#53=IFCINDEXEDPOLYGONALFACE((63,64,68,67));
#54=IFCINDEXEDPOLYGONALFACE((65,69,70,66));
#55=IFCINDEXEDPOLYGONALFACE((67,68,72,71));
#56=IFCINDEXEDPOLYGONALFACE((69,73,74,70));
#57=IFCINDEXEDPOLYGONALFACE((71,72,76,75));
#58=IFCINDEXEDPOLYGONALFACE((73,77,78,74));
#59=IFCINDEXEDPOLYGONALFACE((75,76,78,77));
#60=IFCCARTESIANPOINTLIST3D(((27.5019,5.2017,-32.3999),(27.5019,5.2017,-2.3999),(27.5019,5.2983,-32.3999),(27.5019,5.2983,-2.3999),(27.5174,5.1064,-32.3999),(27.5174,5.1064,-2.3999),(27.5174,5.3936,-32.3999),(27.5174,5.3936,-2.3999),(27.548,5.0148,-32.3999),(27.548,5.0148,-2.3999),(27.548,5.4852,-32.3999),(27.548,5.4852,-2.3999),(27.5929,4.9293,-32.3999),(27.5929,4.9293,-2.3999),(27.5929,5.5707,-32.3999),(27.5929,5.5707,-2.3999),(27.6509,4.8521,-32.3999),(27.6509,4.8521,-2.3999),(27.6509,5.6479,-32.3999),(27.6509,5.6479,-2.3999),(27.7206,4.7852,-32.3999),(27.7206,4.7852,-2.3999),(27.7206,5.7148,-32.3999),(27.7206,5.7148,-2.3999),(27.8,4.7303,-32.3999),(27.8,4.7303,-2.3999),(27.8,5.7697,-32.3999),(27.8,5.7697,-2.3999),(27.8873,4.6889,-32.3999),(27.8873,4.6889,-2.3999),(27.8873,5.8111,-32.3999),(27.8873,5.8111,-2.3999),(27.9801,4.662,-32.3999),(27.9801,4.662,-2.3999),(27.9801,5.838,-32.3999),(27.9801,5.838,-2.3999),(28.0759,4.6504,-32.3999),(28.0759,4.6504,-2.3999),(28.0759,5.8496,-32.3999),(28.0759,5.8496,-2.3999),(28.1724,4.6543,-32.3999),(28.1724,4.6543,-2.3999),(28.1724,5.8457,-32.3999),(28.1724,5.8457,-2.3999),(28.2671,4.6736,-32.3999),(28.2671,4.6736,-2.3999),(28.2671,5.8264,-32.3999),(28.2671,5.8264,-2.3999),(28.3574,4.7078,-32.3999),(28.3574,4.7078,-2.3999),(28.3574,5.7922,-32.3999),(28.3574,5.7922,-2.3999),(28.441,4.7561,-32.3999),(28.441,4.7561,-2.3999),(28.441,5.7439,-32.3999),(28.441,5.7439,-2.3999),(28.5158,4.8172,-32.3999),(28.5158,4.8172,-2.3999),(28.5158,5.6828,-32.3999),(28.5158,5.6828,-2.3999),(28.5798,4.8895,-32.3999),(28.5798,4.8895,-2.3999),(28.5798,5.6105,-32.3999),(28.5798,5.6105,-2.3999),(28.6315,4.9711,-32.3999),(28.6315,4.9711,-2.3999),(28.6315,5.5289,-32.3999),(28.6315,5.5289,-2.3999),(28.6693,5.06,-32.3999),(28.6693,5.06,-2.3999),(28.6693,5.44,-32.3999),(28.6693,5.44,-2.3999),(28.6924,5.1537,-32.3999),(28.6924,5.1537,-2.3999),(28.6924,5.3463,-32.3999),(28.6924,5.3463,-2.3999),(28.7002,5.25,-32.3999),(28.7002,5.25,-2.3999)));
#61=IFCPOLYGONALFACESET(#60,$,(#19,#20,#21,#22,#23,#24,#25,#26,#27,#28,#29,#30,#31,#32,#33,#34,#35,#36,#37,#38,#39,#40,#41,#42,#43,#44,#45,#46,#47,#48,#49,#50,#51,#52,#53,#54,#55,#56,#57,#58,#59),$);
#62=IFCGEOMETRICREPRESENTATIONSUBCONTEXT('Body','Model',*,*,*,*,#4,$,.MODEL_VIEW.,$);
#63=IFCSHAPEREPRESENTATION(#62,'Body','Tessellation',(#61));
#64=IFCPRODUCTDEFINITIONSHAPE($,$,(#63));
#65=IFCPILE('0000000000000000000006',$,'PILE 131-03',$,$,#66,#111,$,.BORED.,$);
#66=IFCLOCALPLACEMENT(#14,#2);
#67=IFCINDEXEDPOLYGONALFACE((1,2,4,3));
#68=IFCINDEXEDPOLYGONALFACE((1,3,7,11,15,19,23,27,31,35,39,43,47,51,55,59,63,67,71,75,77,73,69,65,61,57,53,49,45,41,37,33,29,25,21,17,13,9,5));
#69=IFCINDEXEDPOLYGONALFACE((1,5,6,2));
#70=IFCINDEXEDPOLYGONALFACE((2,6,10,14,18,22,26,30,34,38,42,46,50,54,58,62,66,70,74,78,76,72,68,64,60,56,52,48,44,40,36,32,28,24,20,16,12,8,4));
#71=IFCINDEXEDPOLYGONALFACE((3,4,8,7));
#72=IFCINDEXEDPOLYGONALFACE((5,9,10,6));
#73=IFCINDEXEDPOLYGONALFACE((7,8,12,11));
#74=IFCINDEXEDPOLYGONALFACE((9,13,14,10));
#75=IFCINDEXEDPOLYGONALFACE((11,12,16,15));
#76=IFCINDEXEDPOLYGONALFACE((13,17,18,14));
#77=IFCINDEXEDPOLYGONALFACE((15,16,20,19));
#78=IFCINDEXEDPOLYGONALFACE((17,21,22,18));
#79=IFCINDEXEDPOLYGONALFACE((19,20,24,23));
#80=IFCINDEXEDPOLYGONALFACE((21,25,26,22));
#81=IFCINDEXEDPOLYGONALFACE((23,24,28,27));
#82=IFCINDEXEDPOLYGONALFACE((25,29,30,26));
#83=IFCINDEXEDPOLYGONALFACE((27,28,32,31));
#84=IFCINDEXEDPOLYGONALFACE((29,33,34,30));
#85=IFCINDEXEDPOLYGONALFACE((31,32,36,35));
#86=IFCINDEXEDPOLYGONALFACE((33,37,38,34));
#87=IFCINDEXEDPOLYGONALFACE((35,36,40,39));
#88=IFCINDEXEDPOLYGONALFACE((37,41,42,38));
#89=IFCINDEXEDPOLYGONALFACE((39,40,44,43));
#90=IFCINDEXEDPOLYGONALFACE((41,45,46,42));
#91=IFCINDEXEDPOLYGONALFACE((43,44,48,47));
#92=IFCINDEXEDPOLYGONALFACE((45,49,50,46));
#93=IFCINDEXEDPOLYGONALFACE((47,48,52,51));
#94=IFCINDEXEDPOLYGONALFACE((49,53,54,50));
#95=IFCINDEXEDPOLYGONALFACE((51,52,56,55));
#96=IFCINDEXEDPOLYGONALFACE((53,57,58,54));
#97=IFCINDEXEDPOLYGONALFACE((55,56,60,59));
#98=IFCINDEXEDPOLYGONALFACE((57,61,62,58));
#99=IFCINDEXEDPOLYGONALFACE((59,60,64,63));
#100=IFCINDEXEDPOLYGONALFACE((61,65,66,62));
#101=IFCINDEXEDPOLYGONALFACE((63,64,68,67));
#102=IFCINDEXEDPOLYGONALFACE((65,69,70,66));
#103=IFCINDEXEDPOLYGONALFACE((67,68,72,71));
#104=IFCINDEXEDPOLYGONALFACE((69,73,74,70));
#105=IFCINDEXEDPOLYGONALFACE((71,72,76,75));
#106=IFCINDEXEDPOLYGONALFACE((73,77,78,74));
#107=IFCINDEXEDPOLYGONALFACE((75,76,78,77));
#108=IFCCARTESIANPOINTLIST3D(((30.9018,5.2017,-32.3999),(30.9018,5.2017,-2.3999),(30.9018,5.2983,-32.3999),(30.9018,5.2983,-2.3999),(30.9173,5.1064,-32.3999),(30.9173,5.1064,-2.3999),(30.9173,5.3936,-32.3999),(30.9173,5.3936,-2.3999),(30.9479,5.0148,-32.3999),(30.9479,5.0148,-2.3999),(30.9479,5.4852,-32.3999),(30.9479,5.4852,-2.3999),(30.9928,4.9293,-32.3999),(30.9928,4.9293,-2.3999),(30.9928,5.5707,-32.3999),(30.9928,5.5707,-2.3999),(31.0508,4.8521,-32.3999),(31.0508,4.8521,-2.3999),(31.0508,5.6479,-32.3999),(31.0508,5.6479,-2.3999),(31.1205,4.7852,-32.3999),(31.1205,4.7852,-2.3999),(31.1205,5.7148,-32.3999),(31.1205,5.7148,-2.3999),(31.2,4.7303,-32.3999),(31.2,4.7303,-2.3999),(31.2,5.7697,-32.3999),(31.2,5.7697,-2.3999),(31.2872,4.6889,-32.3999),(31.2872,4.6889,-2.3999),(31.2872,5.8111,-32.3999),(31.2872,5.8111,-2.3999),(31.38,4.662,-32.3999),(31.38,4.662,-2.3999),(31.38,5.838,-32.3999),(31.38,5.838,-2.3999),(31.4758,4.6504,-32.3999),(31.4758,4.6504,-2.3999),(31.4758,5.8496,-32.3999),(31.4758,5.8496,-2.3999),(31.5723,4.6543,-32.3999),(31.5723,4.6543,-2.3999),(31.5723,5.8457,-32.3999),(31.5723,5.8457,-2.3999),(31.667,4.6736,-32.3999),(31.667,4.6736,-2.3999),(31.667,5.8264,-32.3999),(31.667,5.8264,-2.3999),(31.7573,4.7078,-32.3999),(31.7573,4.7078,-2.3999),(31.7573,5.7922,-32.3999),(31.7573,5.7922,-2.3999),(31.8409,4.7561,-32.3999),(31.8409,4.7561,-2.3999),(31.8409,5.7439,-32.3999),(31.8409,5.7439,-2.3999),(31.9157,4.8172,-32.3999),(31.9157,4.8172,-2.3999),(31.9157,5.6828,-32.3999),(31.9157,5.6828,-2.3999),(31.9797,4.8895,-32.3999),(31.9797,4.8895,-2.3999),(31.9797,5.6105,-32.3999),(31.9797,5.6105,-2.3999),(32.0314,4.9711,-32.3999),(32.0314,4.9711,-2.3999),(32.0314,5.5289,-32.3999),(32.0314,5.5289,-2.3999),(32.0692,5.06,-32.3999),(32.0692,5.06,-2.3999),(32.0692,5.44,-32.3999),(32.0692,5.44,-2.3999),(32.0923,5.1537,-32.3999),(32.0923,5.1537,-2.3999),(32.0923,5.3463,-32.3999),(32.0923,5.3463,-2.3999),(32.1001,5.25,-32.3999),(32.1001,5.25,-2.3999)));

□ □ □

Using the records above, restate word for word the lines from the one with "#89=IFCINDEXEDPOLYGONALFACE((39,40,44,43));" through the one with "#107=IFCINDEXEDPOLYGONALFACE((75,76,78,77));", both included.

#89=IFCINDEXEDPOLYGONALFACE((39,40,44,43));
#90=IFCINDEXEDPOLYGONALFACE((41,45,46,42));
#91=IFCINDEXEDPOLYGONALFACE((43,44,48,47));
#92=IFCINDEXEDPOLYGONALFACE((45,49,50,46));
#93=IFCINDEXEDPOLYGONALFACE((47,48,52,51));
#94=IFCINDEXEDPOLYGONALFACE((49,53,54,50));
#95=IFCINDEXEDPOLYGONALFACE((51,52,56,55));
#96=IFCINDEXEDPOLYGONALFACE((53,57,58,54));
#97=IFCINDEXEDPOLYGONALFACE((55,56,60,59));
#98=IFCINDEXEDPOLYGONALFACE((57,61,62,58));
#99=IFCINDEXEDPOLYGONALFACE((59,60,64,63));
#100=IFCINDEXEDPOLYGONALFACE((61,65,66,62));
#101=IFCINDEXEDPOLYGONALFACE((63,64,68,67));
#102=IFCINDEXEDPOLYGONALFACE((65,69,70,66));
#103=IFCINDEXEDPOLYGONALFACE((67,68,72,71));
#104=IFCINDEXEDPOLYGONALFACE((69,73,74,70));
#105=IFCINDEXEDPOLYGONALFACE((71,72,76,75));
#106=IFCINDEXEDPOLYGONALFACE((73,77,78,74));
#107=IFCINDEXEDPOLYGONALFACE((75,76,78,77));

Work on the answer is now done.